What the task asks
For the entries below, say how many lines include the word "BEAM" and add nothing else.
BEGIN Exercise data
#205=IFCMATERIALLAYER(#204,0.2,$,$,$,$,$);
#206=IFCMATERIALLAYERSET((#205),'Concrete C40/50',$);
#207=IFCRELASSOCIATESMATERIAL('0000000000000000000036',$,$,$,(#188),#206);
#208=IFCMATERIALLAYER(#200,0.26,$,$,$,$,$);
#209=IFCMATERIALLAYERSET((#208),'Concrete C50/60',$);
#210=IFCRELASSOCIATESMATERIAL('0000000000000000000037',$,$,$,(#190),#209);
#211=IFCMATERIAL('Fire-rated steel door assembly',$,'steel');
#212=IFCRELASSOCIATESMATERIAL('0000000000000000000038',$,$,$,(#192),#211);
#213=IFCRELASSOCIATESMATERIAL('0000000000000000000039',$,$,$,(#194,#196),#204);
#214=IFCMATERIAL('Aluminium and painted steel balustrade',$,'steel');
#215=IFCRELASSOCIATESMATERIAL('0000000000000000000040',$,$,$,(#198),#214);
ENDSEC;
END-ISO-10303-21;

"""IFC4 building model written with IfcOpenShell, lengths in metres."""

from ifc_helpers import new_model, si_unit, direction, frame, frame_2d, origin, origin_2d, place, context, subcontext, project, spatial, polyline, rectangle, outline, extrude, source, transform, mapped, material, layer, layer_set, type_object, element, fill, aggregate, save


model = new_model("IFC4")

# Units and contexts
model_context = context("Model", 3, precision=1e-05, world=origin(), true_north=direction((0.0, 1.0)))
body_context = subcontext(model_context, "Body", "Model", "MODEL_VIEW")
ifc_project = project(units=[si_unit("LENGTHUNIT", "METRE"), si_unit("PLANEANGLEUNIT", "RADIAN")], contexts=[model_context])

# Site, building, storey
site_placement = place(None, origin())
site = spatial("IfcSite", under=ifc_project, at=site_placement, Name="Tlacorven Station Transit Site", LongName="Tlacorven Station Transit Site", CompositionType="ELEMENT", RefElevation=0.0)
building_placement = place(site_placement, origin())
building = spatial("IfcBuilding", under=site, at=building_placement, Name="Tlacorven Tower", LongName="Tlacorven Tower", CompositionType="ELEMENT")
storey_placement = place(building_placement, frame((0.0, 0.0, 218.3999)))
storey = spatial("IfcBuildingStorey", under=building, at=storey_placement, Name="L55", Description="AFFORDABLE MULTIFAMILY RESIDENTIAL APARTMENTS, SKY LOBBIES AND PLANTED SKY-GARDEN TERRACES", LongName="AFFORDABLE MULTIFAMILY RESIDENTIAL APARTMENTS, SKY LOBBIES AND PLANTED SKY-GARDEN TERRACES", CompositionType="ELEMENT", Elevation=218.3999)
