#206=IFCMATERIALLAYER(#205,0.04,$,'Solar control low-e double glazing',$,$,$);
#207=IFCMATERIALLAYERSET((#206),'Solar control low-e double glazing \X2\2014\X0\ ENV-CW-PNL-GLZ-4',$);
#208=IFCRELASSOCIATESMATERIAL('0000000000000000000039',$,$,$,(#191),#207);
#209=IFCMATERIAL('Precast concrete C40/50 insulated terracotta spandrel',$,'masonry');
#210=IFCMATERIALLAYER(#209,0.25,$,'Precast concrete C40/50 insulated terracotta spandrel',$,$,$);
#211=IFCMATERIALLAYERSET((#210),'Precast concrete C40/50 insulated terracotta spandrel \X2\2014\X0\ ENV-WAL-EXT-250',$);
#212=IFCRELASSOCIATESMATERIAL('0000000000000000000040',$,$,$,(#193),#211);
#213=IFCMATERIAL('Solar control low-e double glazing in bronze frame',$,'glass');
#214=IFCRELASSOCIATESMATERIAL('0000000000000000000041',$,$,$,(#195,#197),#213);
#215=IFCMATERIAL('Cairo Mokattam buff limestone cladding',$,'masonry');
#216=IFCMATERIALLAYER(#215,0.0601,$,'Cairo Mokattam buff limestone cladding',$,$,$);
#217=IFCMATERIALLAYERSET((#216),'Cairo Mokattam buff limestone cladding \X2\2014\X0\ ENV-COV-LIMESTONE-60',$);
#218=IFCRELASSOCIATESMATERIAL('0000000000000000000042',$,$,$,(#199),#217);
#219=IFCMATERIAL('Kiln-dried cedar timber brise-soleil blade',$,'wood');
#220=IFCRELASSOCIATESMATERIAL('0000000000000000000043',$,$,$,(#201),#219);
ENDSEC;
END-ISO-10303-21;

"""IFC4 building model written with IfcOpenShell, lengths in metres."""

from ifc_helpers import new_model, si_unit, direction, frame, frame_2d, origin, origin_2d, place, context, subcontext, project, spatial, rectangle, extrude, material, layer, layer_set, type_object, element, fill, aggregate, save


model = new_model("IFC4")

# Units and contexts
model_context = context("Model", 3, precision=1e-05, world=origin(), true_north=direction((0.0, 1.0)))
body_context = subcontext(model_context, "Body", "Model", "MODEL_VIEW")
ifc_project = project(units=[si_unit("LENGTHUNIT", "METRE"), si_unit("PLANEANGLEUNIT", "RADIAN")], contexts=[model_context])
END Exercise data
BEGIN Exercise data
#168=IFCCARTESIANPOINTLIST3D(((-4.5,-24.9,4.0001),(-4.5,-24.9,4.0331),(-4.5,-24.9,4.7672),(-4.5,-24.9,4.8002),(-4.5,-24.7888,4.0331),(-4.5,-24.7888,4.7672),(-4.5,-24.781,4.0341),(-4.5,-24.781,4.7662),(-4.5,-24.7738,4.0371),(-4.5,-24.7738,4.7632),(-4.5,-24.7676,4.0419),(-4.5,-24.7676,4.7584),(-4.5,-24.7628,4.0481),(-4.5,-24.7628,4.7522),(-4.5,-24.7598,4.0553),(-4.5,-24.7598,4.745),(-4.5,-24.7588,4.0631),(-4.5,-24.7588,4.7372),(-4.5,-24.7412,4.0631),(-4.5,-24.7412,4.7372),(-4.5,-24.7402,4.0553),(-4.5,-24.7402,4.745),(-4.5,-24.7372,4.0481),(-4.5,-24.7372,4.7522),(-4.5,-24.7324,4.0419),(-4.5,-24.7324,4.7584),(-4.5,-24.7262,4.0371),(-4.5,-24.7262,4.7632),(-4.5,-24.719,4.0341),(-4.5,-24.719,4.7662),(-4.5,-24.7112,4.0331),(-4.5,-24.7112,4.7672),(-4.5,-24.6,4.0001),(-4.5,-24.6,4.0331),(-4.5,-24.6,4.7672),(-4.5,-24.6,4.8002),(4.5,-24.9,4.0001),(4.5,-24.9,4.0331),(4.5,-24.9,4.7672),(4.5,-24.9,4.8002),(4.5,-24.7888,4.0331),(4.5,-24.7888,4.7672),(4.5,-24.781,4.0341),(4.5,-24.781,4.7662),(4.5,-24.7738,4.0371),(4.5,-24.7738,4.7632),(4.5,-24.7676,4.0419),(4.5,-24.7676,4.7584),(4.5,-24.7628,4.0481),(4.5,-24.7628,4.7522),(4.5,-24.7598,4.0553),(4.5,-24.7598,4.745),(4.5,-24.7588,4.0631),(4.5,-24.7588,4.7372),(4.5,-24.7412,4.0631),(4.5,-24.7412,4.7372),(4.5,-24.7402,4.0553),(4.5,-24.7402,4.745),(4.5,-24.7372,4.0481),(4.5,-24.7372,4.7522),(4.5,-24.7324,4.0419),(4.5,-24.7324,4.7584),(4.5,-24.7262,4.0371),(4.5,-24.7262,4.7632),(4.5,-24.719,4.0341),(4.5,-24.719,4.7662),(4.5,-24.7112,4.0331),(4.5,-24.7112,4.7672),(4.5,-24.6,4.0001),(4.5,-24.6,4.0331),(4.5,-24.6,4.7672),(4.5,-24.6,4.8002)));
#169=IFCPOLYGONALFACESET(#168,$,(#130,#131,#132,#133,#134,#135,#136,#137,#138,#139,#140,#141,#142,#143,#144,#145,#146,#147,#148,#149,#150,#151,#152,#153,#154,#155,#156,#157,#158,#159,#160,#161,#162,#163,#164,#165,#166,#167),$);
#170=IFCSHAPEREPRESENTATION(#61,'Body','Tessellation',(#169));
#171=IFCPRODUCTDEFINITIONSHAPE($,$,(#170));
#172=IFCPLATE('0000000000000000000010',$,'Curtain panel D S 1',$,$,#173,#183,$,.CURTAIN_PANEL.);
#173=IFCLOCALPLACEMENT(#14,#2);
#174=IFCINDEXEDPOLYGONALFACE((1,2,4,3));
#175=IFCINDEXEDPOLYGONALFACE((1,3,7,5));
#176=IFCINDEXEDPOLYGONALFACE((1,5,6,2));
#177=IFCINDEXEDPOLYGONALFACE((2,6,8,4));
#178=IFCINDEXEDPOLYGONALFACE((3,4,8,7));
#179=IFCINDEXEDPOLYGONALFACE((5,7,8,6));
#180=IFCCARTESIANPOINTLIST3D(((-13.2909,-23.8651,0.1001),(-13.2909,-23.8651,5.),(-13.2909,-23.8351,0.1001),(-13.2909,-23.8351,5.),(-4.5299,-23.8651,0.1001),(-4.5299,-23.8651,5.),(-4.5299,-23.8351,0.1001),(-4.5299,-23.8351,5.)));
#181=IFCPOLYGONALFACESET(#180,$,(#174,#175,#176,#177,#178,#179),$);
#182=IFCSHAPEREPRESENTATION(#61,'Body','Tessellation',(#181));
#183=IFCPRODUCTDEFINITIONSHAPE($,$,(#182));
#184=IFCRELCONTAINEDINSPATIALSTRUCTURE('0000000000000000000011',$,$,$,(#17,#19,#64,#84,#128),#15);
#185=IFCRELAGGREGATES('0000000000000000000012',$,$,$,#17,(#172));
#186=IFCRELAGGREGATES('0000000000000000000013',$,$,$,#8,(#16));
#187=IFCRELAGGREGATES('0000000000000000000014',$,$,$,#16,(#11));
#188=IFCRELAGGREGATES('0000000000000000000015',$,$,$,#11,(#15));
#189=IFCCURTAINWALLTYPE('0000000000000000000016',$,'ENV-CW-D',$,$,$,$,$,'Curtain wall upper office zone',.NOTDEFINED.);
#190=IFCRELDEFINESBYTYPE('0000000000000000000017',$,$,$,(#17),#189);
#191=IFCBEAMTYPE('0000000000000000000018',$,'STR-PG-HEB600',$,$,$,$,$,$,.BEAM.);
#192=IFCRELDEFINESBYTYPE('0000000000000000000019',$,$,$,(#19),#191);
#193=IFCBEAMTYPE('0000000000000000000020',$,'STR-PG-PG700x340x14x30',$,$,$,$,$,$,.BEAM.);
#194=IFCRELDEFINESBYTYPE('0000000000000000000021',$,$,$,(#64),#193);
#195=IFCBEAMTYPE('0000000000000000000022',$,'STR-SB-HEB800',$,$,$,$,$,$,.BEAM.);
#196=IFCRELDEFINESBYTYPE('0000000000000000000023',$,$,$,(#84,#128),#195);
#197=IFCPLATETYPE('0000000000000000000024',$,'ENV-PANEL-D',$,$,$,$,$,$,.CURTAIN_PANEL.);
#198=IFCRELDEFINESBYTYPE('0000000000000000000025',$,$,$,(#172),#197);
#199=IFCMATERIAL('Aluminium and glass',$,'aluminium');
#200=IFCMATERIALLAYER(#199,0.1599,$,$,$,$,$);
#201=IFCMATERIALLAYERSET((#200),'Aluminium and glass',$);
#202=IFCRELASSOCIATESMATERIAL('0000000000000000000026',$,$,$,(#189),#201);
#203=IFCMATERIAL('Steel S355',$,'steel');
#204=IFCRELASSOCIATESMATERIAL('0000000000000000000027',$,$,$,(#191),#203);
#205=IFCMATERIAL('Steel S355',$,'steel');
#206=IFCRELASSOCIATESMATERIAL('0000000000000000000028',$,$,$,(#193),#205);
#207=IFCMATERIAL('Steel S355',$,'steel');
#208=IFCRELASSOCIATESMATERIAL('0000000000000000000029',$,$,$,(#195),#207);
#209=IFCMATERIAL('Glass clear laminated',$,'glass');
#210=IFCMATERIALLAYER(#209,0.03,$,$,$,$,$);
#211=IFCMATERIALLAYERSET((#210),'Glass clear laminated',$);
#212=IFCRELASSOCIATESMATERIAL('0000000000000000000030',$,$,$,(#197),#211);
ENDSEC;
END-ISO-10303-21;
END Exercise data
Exercise output
3